* [TASK MATERIAL]:
---

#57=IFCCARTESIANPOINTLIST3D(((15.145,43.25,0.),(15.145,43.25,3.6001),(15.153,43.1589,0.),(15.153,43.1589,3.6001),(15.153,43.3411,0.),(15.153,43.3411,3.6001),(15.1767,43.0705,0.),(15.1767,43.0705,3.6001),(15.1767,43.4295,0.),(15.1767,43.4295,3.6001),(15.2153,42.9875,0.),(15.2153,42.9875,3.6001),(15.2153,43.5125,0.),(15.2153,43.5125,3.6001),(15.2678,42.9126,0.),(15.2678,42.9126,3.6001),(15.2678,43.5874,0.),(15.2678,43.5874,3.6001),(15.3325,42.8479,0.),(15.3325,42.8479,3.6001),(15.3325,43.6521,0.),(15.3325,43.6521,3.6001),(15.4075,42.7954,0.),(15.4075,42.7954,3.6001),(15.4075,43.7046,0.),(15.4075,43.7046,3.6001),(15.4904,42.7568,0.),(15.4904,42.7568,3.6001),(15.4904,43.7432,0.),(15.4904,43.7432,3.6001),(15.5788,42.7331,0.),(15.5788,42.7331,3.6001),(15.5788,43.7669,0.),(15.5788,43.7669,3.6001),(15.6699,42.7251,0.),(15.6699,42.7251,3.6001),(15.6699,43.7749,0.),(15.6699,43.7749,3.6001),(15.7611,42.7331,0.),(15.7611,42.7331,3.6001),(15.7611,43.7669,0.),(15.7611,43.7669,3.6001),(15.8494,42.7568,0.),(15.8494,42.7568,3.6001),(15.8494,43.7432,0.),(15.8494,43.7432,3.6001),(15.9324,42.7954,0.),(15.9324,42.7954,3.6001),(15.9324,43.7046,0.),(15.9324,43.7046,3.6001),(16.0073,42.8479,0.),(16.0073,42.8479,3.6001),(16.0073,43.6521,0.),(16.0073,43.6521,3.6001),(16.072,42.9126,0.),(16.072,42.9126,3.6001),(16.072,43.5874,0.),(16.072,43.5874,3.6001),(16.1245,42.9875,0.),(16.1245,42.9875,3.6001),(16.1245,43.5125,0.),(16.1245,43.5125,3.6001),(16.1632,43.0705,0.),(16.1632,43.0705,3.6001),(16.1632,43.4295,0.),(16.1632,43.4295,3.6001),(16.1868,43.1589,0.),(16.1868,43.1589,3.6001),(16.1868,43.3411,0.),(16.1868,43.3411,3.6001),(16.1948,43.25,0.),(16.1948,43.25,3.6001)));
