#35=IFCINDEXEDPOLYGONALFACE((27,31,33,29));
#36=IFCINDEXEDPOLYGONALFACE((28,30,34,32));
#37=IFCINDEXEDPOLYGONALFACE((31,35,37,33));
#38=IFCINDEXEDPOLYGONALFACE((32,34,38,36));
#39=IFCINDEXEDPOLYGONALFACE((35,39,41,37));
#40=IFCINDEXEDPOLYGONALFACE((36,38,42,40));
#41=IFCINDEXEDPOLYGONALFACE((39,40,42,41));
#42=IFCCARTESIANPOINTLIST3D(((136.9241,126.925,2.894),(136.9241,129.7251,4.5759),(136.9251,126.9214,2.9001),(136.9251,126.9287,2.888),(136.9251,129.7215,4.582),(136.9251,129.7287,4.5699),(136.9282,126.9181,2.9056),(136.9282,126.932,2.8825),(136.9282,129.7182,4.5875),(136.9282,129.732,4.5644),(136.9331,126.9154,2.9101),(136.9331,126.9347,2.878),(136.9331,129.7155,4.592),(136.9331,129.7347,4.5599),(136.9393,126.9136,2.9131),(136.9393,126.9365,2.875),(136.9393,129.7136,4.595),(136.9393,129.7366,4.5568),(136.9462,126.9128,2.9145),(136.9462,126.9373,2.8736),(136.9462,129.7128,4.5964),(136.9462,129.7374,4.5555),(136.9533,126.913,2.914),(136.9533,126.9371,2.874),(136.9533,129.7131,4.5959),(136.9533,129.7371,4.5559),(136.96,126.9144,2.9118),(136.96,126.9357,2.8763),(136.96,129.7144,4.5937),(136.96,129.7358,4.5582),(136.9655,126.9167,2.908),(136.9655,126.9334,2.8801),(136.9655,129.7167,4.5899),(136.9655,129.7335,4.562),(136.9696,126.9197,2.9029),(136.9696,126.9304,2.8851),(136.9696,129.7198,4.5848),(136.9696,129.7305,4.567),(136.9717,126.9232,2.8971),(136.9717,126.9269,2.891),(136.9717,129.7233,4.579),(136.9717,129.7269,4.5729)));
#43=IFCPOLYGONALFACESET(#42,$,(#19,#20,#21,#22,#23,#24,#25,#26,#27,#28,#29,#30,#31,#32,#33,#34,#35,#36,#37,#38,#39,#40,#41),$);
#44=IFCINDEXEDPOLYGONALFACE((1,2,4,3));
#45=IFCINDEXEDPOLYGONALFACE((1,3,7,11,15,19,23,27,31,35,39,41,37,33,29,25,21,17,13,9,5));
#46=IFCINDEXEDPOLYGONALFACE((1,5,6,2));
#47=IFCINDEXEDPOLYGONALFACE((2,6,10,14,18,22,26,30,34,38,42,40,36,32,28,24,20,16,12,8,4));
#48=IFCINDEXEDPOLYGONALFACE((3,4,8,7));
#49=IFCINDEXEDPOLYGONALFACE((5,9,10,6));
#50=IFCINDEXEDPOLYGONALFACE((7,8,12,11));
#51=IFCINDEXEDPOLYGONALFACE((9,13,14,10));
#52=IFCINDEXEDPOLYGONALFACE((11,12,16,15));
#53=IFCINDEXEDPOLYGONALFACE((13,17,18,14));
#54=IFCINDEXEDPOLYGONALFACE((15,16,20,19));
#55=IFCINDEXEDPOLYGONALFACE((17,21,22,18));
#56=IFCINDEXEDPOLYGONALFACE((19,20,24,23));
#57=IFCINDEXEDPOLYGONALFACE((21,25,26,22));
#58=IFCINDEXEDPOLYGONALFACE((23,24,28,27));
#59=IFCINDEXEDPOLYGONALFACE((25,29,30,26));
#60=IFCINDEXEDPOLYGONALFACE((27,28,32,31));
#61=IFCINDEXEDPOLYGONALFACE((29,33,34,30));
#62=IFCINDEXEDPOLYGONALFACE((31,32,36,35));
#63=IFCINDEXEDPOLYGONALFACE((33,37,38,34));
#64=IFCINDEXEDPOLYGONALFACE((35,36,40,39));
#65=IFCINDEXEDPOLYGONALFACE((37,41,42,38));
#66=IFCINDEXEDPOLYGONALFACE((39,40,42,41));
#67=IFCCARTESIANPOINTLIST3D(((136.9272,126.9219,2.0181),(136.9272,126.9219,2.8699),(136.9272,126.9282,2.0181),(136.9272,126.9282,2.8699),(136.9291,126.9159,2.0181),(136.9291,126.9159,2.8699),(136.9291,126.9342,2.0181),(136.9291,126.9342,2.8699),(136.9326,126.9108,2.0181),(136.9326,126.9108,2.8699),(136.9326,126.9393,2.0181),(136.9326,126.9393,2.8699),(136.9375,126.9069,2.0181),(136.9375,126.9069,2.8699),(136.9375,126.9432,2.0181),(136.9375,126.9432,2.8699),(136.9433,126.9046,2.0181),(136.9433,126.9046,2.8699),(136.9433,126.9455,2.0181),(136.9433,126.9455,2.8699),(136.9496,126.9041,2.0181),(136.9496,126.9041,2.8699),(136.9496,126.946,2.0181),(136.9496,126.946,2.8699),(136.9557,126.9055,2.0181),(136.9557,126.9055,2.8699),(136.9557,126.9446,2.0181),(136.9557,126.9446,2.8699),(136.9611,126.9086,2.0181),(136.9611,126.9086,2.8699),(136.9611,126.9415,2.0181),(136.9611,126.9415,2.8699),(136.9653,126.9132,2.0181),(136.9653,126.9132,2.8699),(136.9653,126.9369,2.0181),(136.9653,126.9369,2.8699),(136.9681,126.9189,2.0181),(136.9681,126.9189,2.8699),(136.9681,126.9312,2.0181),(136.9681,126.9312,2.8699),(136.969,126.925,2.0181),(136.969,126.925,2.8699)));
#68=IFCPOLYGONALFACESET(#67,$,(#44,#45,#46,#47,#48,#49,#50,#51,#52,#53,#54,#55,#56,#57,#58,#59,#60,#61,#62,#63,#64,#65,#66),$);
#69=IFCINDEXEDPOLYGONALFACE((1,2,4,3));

---

* [TASK DETAILS]:
Would you please copy exactly the part of the entries above that begins at the line containing "#59=IFCINDEXEDPOLYGONALFACE((25,29,30,26));" and ends at the line containing "#66=IFCINDEXEDPOLYGONALFACE((39,40,42,41));", both lines included?

* [RESPONSE BELOW]:
#59=IFCINDEXEDPOLYGONALFACE((25,29,30,26));
#60=IFCINDEXEDPOLYGONALFACE((27,28,32,31));
#61=IFCINDEXEDPOLYGONALFACE((29,33,34,30));
#62=IFCINDEXEDPOLYGONALFACE((31,32,36,35));
#63=IFCINDEXEDPOLYGONALFACE((33,37,38,34));
#64=IFCINDEXEDPOLYGONALFACE((35,36,40,39));
#65=IFCINDEXEDPOLYGONALFACE((37,41,42,38));
#66=IFCINDEXEDPOLYGONALFACE((39,40,42,41));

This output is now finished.